━━━━━ SOURCE RECORDS

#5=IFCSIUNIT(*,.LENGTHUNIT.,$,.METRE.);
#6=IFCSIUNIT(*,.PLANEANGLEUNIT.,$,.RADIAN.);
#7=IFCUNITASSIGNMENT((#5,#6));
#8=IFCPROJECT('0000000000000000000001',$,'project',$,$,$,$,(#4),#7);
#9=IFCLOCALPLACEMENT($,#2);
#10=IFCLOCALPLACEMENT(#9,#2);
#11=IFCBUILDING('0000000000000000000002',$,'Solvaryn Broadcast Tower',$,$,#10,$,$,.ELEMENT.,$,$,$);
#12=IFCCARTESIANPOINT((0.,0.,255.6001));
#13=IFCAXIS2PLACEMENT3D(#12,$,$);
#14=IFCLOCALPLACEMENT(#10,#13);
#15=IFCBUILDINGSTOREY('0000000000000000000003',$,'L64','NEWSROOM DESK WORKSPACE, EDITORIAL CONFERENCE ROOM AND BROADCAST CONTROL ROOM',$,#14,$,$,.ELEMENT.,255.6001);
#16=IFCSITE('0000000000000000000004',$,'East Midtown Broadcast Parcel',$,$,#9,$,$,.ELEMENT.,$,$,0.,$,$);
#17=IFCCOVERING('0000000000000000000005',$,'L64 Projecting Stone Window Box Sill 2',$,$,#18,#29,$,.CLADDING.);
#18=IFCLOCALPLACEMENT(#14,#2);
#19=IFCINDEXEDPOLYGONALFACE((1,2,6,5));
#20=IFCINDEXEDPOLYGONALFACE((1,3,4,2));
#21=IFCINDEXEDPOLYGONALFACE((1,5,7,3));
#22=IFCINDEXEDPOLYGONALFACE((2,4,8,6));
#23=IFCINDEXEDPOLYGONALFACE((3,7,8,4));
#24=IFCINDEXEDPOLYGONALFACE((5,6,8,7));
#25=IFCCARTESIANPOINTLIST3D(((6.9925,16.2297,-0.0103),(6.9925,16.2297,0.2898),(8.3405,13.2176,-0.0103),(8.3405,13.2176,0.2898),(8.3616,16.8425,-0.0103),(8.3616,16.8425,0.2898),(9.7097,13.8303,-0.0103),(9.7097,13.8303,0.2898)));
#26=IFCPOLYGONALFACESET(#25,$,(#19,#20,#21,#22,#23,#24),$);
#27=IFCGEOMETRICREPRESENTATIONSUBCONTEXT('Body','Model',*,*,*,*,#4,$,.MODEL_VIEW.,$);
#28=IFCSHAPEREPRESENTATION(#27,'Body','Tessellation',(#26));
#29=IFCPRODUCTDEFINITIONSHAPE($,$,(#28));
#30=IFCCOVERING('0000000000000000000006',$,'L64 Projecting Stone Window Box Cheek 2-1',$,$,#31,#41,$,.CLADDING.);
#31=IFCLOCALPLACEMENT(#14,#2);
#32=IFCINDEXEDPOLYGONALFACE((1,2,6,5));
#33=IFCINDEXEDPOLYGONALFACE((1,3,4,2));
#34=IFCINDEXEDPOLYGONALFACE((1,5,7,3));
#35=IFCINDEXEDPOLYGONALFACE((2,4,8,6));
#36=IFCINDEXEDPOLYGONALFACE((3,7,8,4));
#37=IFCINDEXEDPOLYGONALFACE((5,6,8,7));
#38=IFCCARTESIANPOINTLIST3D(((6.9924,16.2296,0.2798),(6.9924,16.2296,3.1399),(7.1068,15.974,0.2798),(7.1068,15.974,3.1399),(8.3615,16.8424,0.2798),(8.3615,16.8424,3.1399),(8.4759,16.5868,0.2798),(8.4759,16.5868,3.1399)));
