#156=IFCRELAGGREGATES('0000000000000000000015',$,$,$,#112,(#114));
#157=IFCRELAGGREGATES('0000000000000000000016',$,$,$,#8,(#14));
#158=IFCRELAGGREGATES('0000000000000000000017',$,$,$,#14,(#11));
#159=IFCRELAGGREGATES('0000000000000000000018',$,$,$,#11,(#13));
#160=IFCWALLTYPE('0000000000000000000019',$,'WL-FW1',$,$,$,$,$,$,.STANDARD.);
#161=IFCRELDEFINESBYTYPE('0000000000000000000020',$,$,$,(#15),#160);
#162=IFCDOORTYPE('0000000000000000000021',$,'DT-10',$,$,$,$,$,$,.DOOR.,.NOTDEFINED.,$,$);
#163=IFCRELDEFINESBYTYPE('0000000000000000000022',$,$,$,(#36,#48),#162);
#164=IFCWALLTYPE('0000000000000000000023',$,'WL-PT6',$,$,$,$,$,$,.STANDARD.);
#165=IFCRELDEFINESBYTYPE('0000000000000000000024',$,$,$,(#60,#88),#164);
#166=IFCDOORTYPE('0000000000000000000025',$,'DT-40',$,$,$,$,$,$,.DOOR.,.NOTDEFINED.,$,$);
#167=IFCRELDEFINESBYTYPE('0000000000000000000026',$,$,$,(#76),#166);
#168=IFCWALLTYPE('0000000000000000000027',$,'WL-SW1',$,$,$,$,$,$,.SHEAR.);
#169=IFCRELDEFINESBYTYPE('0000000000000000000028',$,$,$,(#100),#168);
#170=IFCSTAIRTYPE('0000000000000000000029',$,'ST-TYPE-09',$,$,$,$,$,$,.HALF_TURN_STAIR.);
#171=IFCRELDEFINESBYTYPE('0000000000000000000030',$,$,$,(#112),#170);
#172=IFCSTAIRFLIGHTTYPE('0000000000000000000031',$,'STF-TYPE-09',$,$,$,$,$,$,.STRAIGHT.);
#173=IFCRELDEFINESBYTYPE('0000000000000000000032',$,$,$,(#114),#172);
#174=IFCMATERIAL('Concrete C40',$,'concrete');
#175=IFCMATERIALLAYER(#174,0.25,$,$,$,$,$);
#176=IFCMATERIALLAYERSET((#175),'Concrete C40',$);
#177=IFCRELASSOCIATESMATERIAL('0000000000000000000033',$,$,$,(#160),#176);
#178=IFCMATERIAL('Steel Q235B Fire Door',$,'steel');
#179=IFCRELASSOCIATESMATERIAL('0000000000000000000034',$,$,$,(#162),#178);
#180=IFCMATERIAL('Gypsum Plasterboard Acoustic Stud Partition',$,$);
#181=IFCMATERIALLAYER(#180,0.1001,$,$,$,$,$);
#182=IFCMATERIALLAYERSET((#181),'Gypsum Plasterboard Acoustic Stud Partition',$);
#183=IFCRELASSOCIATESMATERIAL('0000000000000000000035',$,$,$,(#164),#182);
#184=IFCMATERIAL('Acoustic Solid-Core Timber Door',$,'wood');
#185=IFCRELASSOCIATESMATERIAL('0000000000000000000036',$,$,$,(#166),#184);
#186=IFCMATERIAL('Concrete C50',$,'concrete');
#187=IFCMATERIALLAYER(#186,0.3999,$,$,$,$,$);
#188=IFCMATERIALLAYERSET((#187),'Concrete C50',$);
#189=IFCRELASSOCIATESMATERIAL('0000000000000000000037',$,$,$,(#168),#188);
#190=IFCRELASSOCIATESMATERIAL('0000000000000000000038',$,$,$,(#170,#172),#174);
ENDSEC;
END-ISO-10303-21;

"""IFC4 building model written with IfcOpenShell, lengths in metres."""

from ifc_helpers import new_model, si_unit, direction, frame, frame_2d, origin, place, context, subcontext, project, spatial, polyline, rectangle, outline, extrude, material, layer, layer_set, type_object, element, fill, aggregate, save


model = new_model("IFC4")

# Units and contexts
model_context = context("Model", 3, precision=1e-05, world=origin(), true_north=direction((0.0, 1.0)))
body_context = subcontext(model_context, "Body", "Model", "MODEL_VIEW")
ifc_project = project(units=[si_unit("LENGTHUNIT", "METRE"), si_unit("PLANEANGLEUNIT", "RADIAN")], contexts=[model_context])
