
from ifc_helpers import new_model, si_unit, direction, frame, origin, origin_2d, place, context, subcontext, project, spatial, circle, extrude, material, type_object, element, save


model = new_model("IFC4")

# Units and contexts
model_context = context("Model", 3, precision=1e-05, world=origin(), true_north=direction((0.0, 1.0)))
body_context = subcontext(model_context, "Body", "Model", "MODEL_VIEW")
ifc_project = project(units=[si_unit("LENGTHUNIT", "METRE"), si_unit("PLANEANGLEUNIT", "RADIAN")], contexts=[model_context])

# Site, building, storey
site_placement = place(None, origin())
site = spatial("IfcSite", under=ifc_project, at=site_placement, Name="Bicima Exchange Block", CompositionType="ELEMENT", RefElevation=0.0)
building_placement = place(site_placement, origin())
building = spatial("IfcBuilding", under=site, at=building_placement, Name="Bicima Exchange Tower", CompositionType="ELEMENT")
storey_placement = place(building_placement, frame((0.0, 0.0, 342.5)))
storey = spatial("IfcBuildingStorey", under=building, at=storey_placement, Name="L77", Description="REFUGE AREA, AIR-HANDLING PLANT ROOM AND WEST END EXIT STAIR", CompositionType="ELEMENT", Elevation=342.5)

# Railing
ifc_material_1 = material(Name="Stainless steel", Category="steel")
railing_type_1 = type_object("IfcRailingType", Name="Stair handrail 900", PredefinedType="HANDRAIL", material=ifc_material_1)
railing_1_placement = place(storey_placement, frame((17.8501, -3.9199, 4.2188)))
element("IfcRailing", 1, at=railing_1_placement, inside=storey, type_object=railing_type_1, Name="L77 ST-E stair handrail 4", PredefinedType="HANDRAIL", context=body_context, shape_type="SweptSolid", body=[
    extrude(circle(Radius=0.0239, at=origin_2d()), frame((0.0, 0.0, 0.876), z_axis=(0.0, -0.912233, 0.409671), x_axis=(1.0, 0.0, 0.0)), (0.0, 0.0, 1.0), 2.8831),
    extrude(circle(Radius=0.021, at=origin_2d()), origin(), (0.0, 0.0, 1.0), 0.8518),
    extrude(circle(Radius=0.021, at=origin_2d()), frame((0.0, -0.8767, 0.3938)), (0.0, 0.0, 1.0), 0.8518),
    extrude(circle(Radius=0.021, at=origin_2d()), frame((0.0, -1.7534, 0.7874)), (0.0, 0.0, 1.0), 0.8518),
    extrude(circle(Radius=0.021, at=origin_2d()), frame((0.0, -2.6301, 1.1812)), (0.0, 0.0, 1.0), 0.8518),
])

━━━━━━━━━━

_THE TASK_.
Which lines run from the first of the listing to the line containing "#12=IFCCARTESIANPOINT((0.,0.,255.6001));"? Reproduce those exactly, both ends included.

_EXERCISE RESULT_.
#5=IFCSIUNIT(*,.LENGTHUNIT.,$,.METRE.);
#6=IFCSIUNIT(*,.PLANEANGLEUNIT.,$,.RADIAN.);
#7=IFCUNITASSIGNMENT((#5,#6));
#8=IFCPROJECT('0000000000000000000001',$,'project',$,$,$,$,(#4),#7);
#9=IFCLOCALPLACEMENT($,#2);
#10=IFCLOCALPLACEMENT(#9,#2);
#11=IFCBUILDING('0000000000000000000002',$,'Solvaryn Broadcast Tower',$,$,#10,$,$,.ELEMENT.,$,$,$);
#12=IFCCARTESIANPOINT((0.,0.,255.6001));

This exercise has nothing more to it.